■ **What you have to do**
All of the entries below are to be copied word for word.

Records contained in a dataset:
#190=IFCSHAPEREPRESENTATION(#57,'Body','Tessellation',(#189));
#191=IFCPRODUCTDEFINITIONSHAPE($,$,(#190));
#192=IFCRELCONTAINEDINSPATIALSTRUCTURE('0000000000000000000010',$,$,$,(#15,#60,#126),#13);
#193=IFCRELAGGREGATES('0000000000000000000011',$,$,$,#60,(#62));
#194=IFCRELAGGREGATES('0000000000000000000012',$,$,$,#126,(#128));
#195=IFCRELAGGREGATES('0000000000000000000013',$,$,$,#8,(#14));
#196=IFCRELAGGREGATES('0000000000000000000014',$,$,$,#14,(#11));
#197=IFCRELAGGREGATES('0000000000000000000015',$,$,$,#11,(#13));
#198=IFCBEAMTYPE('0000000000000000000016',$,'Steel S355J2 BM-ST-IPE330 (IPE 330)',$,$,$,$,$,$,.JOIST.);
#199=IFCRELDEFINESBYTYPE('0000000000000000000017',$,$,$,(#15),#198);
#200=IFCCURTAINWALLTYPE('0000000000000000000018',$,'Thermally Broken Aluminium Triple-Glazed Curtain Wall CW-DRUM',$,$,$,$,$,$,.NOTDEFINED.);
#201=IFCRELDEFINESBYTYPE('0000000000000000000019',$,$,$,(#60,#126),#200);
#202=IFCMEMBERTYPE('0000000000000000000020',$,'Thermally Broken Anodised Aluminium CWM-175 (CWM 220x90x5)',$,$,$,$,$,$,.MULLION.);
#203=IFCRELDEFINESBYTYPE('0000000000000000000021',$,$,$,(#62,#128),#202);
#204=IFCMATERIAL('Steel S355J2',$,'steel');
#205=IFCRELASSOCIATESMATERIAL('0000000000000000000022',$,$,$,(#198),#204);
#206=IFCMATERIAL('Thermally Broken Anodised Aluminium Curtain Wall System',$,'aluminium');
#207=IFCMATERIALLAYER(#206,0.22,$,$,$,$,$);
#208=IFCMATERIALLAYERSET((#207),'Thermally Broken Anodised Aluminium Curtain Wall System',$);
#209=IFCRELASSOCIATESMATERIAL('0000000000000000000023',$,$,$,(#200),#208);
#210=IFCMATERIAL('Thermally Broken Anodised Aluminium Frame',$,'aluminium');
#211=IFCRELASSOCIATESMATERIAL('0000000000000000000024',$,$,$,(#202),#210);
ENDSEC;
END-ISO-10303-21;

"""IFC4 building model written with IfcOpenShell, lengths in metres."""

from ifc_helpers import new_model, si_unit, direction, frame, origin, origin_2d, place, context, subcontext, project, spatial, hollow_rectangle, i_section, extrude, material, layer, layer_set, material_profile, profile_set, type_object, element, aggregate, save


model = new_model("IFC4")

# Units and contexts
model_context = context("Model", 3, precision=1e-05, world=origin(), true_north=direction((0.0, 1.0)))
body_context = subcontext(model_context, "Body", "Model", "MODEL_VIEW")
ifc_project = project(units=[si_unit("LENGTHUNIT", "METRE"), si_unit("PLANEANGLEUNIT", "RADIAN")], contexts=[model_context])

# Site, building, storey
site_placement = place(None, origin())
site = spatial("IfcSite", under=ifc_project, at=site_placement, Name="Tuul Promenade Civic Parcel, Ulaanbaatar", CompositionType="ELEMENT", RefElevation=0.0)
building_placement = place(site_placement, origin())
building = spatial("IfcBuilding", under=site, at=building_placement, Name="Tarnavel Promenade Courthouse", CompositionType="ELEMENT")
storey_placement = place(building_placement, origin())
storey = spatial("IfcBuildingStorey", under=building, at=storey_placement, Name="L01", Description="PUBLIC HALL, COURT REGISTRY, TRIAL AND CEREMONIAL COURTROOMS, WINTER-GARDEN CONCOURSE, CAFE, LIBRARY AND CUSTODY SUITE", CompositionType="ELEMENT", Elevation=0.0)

■ **Problem solution**
#190=IFCSHAPEREPRESENTATION(#57,'Body','Tessellation',(#189));
#191=IFCPRODUCTDEFINITIONSHAPE($,$,(#190));
#192=IFCRELCONTAINEDINSPATIALSTRUCTURE('0000000000000000000010',$,$,$,(#15,#60,#126),#13);
#193=IFCRELAGGREGATES('0000000000000000000011',$,$,$,#60,(#62));
#194=IFCRELAGGREGATES('0000000000000000000012',$,$,$,#126,(#128));
#195=IFCRELAGGREGATES('0000000000000000000013',$,$,$,#8,(#14));
#196=IFCRELAGGREGATES('0000000000000000000014',$,$,$,#14,(#11));
#197=IFCRELAGGREGATES('0000000000000000000015',$,$,$,#11,(#13));
#198=IFCBEAMTYPE('0000000000000000000016',$,'Steel S355J2 BM-ST-IPE330 (IPE 330)',$,$,$,$,$,$,.JOIST.);
#199=IFCRELDEFINESBYTYPE('0000000000000000000017',$,$,$,(#15),#198);
#200=IFCCURTAINWALLTYPE('0000000000000000000018',$,'Thermally Broken Aluminium Triple-Glazed Curtain Wall CW-DRUM',$,$,$,$,$,$,.NOTDEFINED.);
#201=IFCRELDEFINESBYTYPE('0000000000000000000019',$,$,$,(#60,#126),#200);
#202=IFCMEMBERTYPE('0000000000000000000020',$,'Thermally Broken Anodised Aluminium CWM-175 (CWM 220x90x5)',$,$,$,$,$,$,.MULLION.);
#203=IFCRELDEFINESBYTYPE('0000000000000000000021',$,$,$,(#62,#128),#202);
#204=IFCMATERIAL('Steel S355J2',$,'steel');
#205=IFCRELASSOCIATESMATERIAL('0000000000000000000022',$,$,$,(#198),#204);
#206=IFCMATERIAL('Thermally Broken Anodised Aluminium Curtain Wall System',$,'aluminium');
#207=IFCMATERIALLAYER(#206,0.22,$,$,$,$,$);
#208=IFCMATERIALLAYERSET((#207),'Thermally Broken Anodised Aluminium Curtain Wall System',$);
#209=IFCRELASSOCIATESMATERIAL('0000000000000000000023',$,$,$,(#200),#208);
#210=IFCMATERIAL('Thermally Broken Anodised Aluminium Frame',$,'aluminium');
#211=IFCRELASSOCIATESMATERIAL('0000000000000000000024',$,$,$,(#202),#210);
ENDSEC;
END-ISO-10303-21;

"""IFC4 building model written with IfcOpenShell, lengths in metres."""

from ifc_helpers import new_model, si_unit, direction, frame, origin, origin_2d, place, context, subcontext, project, spatial, hollow_rectangle, i_section, extrude, material, layer, layer_set, material_profile, profile_set, type_object, element, aggregate, save


model = new_model("IFC4")

# Units and contexts
model_context = context("Model", 3, precision=1e-05, world=origin(), true_north=direction((0.0, 1.0)))
body_context = subcontext(model_context, "Body", "Model", "MODEL_VIEW")
ifc_project = project(units=[si_unit("LENGTHUNIT", "METRE"), si_unit("PLANEANGLEUNIT", "RADIAN")], contexts=[model_context])

# Site, building, storey
site_placement = place(None, origin())
site = spatial("IfcSite", under=ifc_project, at=site_placement, Name="Tuul Promenade Civic Parcel, Ulaanbaatar", CompositionType="ELEMENT", RefElevation=0.0)
building_placement = place(site_placement, origin())
building = spatial("IfcBuilding", under=site, at=building_placement, Name="Tarnavel Promenade Courthouse", CompositionType="ELEMENT")
storey_placement = place(building_placement, origin())
storey = spatial("IfcBuildingStorey", under=building, at=storey_placement, Name="L01", Description="PUBLIC HALL, COURT REGISTRY, TRIAL AND CEREMONIAL COURTROOMS, WINTER-GARDEN CONCOURSE, CAFE, LIBRARY AND CUSTODY SUITE", CompositionType="ELEMENT", Elevation=0.0)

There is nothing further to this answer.